* Material provided:

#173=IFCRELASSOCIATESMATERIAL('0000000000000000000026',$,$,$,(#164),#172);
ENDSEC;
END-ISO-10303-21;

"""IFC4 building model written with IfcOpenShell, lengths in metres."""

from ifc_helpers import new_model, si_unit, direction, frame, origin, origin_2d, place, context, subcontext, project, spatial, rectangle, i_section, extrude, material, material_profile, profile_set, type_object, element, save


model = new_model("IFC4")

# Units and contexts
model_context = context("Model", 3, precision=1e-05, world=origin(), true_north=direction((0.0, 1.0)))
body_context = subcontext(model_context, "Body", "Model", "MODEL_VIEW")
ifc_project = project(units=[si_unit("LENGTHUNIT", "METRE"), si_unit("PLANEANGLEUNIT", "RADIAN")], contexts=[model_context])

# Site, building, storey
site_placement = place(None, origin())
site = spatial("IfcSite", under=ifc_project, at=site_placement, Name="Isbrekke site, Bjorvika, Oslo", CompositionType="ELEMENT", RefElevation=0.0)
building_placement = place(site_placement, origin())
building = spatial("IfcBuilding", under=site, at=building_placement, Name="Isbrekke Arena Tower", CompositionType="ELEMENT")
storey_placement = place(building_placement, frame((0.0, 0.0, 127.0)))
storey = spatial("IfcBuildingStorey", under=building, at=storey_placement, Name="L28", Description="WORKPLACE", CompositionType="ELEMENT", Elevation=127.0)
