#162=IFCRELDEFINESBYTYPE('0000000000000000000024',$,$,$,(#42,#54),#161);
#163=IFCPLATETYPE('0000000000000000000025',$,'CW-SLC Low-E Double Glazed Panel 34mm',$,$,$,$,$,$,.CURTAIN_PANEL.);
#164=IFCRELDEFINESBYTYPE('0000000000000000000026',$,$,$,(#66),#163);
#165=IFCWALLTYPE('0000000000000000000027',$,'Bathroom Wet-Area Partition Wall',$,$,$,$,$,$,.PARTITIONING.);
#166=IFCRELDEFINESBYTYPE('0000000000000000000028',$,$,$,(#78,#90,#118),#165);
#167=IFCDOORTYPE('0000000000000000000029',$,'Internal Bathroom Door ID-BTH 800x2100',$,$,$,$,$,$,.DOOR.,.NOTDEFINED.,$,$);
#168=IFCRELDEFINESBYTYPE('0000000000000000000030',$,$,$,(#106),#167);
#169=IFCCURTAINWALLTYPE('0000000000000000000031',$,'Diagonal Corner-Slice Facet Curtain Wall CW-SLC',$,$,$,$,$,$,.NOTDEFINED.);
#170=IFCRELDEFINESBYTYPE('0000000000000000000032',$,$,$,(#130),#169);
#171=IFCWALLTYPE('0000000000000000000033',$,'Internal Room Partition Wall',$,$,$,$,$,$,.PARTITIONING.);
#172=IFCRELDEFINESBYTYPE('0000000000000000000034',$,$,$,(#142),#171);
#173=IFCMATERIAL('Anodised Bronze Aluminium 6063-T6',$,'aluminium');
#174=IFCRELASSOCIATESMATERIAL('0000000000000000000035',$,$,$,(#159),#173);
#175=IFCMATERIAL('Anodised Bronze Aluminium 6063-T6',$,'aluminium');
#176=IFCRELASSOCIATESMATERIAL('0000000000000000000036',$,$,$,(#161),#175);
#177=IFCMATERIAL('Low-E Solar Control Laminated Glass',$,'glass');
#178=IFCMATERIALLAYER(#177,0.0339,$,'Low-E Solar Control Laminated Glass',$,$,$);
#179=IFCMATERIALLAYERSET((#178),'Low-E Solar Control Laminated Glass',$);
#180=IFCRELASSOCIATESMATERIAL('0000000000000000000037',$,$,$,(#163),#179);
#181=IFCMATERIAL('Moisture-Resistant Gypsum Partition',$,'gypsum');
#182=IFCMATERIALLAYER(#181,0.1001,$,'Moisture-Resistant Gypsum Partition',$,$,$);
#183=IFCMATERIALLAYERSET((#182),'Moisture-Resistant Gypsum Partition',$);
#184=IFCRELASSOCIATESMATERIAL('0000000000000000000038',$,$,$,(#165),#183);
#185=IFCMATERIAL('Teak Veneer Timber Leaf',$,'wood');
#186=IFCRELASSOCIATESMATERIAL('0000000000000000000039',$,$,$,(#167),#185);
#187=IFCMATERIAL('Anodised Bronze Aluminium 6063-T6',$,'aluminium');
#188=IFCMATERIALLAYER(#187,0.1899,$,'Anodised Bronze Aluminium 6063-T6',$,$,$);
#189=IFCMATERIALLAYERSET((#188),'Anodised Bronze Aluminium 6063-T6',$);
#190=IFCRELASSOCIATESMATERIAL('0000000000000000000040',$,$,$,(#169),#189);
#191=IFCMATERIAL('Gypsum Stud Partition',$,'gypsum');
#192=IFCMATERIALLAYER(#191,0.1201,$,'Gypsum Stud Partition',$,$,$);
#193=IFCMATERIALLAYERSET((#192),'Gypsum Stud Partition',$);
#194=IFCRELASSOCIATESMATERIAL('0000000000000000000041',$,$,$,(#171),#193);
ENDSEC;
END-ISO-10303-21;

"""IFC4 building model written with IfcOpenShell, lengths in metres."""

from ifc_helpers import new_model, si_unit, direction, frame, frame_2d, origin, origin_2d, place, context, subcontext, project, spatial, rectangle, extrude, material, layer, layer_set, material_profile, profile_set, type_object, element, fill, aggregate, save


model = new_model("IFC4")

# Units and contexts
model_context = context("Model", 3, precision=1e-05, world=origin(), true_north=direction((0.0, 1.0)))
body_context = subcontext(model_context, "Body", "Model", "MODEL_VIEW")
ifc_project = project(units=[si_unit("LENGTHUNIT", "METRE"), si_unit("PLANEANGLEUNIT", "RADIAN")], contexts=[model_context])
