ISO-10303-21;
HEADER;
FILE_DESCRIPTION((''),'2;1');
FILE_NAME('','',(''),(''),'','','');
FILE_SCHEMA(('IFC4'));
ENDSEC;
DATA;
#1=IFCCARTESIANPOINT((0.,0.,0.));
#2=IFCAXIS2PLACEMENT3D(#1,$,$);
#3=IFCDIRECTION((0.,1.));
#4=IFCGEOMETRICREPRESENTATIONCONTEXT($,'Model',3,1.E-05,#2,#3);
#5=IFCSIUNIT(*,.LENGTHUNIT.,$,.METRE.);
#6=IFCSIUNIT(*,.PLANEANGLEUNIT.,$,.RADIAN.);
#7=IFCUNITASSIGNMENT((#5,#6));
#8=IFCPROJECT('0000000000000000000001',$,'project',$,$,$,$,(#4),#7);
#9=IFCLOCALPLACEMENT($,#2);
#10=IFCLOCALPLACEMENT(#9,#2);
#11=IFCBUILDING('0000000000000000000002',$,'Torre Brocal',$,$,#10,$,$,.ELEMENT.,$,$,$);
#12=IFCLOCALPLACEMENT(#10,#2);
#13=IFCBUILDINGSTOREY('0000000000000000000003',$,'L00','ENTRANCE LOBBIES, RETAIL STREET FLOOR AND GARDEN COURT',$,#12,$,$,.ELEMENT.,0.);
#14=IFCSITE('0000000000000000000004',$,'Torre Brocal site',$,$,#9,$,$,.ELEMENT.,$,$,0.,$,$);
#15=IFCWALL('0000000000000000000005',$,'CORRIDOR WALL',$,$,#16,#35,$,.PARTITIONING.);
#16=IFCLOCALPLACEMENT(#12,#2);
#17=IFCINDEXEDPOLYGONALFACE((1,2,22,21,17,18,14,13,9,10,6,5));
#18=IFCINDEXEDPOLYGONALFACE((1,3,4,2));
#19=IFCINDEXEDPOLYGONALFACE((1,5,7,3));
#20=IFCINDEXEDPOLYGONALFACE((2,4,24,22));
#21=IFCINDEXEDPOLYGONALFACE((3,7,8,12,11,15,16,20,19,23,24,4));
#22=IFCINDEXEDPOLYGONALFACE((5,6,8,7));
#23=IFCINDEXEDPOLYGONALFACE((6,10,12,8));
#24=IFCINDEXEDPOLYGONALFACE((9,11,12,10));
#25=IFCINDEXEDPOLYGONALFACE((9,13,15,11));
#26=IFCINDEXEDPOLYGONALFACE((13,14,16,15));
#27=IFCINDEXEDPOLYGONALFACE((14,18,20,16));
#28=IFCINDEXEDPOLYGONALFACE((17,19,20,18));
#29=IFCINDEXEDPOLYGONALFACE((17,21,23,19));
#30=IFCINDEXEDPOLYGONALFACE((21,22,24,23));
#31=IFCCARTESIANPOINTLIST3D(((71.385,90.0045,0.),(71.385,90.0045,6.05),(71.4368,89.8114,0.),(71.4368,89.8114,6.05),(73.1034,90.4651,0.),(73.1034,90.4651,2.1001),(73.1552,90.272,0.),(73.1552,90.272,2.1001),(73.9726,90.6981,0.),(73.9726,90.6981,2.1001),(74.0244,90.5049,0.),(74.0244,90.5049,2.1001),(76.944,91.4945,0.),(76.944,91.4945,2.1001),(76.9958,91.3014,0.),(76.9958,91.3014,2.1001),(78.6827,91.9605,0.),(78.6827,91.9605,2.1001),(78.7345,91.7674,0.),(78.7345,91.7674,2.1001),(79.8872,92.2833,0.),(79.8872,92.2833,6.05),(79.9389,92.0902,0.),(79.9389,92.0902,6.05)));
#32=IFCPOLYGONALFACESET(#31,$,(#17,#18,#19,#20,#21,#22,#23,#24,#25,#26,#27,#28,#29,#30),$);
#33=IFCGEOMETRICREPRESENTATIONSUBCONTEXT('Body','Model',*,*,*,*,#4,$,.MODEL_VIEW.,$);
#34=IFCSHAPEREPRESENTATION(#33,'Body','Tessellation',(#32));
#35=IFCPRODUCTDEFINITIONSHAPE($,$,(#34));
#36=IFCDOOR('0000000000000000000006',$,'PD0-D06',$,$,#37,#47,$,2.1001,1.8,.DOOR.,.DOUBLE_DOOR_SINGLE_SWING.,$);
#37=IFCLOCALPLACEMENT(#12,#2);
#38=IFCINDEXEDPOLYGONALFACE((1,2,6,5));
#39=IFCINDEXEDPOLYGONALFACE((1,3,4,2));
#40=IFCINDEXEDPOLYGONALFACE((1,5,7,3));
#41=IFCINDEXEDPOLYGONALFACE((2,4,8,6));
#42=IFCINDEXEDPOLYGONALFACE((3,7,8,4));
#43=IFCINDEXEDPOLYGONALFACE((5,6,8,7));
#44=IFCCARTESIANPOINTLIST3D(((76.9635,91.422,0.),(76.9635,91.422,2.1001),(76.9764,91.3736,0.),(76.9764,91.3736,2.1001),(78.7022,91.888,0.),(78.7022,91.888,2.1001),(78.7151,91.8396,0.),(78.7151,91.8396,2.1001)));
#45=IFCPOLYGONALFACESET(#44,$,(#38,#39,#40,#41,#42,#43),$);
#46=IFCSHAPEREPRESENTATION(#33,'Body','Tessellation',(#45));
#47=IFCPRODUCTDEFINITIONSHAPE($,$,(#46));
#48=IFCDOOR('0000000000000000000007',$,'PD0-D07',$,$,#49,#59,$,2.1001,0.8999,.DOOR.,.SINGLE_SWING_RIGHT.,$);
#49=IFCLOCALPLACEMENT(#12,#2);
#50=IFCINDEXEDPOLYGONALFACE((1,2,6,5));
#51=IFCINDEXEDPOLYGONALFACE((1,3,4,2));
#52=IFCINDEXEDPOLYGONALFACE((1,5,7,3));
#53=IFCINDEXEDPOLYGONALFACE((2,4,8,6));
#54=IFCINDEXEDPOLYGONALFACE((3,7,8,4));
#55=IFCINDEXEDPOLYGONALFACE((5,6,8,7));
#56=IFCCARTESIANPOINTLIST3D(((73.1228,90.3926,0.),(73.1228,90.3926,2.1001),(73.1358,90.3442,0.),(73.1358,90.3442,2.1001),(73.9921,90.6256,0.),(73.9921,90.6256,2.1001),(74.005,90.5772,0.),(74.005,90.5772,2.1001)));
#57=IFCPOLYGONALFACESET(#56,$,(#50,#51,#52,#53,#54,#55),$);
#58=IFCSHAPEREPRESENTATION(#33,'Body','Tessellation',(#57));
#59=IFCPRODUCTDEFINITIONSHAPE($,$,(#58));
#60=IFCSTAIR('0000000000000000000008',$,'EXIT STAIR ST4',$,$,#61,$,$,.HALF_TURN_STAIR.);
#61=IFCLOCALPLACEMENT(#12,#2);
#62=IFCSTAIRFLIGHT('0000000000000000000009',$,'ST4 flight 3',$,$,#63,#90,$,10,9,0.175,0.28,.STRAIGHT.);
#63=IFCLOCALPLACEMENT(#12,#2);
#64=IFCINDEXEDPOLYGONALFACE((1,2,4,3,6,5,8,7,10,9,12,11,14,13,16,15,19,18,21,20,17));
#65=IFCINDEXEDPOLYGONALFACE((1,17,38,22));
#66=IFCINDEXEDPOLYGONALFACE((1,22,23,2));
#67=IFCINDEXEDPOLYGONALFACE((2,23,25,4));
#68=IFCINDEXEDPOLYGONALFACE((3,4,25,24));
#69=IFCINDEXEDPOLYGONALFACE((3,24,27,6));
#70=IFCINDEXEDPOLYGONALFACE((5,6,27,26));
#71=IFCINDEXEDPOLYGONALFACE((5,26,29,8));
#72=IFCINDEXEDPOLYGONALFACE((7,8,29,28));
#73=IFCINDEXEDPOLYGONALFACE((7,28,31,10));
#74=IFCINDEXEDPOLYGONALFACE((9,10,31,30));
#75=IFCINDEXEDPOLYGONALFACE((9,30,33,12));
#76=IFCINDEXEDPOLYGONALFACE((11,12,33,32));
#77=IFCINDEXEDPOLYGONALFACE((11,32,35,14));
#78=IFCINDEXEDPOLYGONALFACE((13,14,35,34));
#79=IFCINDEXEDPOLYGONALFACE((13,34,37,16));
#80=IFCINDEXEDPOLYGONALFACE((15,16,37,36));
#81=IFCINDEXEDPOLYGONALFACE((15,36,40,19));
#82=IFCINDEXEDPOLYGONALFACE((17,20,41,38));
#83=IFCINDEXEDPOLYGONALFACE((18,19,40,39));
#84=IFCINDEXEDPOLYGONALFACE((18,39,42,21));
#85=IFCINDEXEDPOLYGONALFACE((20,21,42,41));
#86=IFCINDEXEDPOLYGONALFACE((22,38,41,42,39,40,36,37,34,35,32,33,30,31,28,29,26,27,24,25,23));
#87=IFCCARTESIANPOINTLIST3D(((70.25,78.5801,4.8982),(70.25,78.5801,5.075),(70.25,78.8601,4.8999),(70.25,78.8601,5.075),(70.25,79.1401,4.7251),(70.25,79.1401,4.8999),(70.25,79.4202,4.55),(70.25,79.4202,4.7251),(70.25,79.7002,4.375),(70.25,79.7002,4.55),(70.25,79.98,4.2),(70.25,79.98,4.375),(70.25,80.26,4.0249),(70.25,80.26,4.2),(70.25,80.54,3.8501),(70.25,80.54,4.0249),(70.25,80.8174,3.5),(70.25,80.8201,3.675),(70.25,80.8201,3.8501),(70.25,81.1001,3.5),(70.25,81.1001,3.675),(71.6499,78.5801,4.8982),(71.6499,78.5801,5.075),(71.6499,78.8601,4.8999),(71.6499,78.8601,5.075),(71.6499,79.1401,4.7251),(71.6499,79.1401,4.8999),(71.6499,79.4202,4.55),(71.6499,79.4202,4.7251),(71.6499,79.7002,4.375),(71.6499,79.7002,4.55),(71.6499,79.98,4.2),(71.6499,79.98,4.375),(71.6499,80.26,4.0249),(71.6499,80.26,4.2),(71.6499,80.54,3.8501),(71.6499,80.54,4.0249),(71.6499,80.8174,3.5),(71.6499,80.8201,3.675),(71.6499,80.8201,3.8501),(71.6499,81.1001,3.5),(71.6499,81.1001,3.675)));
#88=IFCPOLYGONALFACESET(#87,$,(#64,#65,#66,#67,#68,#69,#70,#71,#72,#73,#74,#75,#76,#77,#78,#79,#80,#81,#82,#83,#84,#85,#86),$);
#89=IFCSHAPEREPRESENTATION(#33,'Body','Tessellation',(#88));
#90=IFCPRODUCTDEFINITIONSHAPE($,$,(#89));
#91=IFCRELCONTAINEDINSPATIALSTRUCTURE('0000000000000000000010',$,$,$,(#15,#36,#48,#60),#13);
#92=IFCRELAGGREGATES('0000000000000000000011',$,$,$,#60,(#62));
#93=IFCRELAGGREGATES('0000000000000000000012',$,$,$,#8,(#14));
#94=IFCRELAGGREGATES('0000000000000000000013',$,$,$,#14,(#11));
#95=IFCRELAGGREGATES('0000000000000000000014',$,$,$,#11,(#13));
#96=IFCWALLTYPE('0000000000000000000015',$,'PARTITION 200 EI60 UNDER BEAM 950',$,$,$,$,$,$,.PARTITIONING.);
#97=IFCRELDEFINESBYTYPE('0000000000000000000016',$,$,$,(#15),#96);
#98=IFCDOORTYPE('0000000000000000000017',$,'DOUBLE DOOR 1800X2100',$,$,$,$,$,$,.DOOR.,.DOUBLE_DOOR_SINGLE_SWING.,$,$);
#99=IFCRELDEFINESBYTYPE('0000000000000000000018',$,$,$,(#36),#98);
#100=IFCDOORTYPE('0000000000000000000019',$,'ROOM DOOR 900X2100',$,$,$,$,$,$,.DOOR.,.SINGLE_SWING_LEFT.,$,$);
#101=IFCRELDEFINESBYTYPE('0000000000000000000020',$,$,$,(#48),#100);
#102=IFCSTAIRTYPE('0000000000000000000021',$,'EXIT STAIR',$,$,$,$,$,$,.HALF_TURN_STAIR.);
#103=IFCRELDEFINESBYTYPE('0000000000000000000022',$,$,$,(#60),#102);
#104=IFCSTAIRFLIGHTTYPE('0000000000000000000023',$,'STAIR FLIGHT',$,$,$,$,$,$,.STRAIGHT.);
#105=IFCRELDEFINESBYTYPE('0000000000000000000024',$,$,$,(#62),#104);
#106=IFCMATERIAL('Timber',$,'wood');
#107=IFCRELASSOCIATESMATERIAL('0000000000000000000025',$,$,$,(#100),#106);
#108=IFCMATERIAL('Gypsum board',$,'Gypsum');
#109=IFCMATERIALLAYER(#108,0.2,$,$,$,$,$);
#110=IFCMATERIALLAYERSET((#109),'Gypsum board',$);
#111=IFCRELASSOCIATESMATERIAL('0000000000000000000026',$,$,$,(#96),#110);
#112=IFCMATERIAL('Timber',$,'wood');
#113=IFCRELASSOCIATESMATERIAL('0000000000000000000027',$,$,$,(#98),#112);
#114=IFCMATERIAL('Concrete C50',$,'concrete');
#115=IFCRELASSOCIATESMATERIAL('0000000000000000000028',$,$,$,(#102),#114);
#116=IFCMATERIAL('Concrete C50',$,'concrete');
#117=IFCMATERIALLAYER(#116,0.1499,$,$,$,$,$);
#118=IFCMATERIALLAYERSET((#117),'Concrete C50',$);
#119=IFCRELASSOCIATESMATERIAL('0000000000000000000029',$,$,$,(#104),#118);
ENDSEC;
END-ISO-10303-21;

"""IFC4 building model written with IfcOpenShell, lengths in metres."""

from ifc_helpers import new_model, si_unit, direction, frame, frame_2d, origin, place, context, subcontext, project, spatial, polyline, rectangle, outline, extrude, material, layer, layer_set, type_object, element, fill, aggregate, save


model = new_model("IFC4")

# Units and contexts
model_context = context("Model", 3, precision=1e-05, world=origin(), true_north=direction((0.0, 1.0)))
body_context = subcontext(model_context, "Body", "Model", "MODEL_VIEW")
ifc_project = project(units=[si_unit("LENGTHUNIT", "METRE"), si_unit("PLANEANGLEUNIT", "RADIAN")], contexts=[model_context])

# Site, building, storey
site_placement = place(None, origin())
site = spatial("IfcSite", under=ifc_project, at=site_placement, Name="Torre Brocal site", CompositionType="ELEMENT", RefElevation=0.0)
building_placement = place(site_placement, origin())
building = spatial("IfcBuilding", under=site, at=building_placement, Name="Torre Brocal", CompositionType="ELEMENT")
storey_placement = place(building_placement, origin())
storey = spatial("IfcBuildingStorey", under=building, at=storey_placement, Name="L00", Description="ENTRANCE LOBBIES, RETAIL STREET FLOOR AND GARDEN COURT", CompositionType="ELEMENT", Elevation=0.0)

# Shared definitions
ifc_material_1 = material(Name="Timber", Category="wood")
door_type_1 = type_object("IfcDoorType", Name="ROOM DOOR 900X2100", OperationType="SINGLE_SWING_LEFT", PredefinedType="DOOR", material=ifc_material_1)

# Wall, openings, doors
ifc_material_2 = material(Name="Gypsum board", Category="Gypsum")
ifc_layer_1 = layer(ifc_material_2, 0.2)
ifc_layer_set_1 = layer_set([ifc_layer_1], Name="Gypsum board")
wall_type_1 = type_object("IfcWallType", Name="PARTITION 200 EI60 UNDER BEAM 950", PredefinedType="PARTITIONING", material=ifc_layer_set_1)
ifc_material_3 = material(Name="Timber", Category="wood")
door_type_2 = type_object("IfcDoorType", Name="DOUBLE DOOR 1800X2100", OperationType="DOUBLE_DOOR_SINGLE_SWING", PredefinedType="DOOR", material=ifc_material_3)
wall_1_placement = place(storey_placement, frame((71.4109, 89.908, 0.0), z_axis=(0.0, 0.0, 1.0), x_axis=(0.965907, 0.258888, 0.0)))
wall_1 = element("IfcWall", 1, at=wall_1_placement, inside=storey, type_object=wall_type_1, Name="CORRIDOR WALL", PredefinedType="PARTITIONING", context=body_context, shape_type="SweptSolid", body=[
    extrude(rectangle(XDim=8.8022, YDim=0.2, at=frame_2d((4.4011, 0.0))), origin(), (0.0, 0.0, 1.0), 6.05),
])
opening_1_placement = place(wall_1_placement, frame((5.7554, 0.0, 0.0)))
opening_1 = element("IfcOpeningElement", 2, at=opening_1_placement, cuts=wall_1, PredefinedType="OPENING", context=body_context, shape_type="SweptSolid", body=[
    extrude(rectangle(XDim=1.8, YDim=2.1001, at=frame_2d((0.8999, 1.05))), frame((0.0, 0.1099, 0.0), z_axis=(0.0, -1.0, 0.0), x_axis=(1.0, 0.0, 0.0)), (0.0, 0.0, 1.0), 0.22),
])
opening_2_placement = place(wall_1_placement, frame((1.7791, 0.0, 0.0)))
opening_2 = element("IfcOpeningElement", 3, at=opening_2_placement, cuts=wall_1, PredefinedType="OPENING", context=body_context, shape_type="SweptSolid", body=[
    extrude(rectangle(XDim=0.8999, YDim=2.1001, at=frame_2d((0.45, 1.05))), frame((0.0, 0.1099, 0.0), z_axis=(0.0, -1.0, 0.0), x_axis=(1.0, 0.0, 0.0)), (0.0, 0.0, 1.0), 0.22),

* Required action:
From the records above, give again exactly the lines running from the line with "#175=IFCMATERIAL('Anodised Bronze Aluminium" to the line with "#177=IFCMATERIAL('Low-E Solar Control", inclusive.

* Result below:
#175=IFCMATERIAL('Anodised Bronze Aluminium 6063-T6',$,'aluminium');
#176=IFCRELASSOCIATESMATERIAL('0000000000000000000036',$,$,$,(#161),#175);
#177=IFCMATERIAL('Low-E Solar Control Laminated Glass',$,'glass');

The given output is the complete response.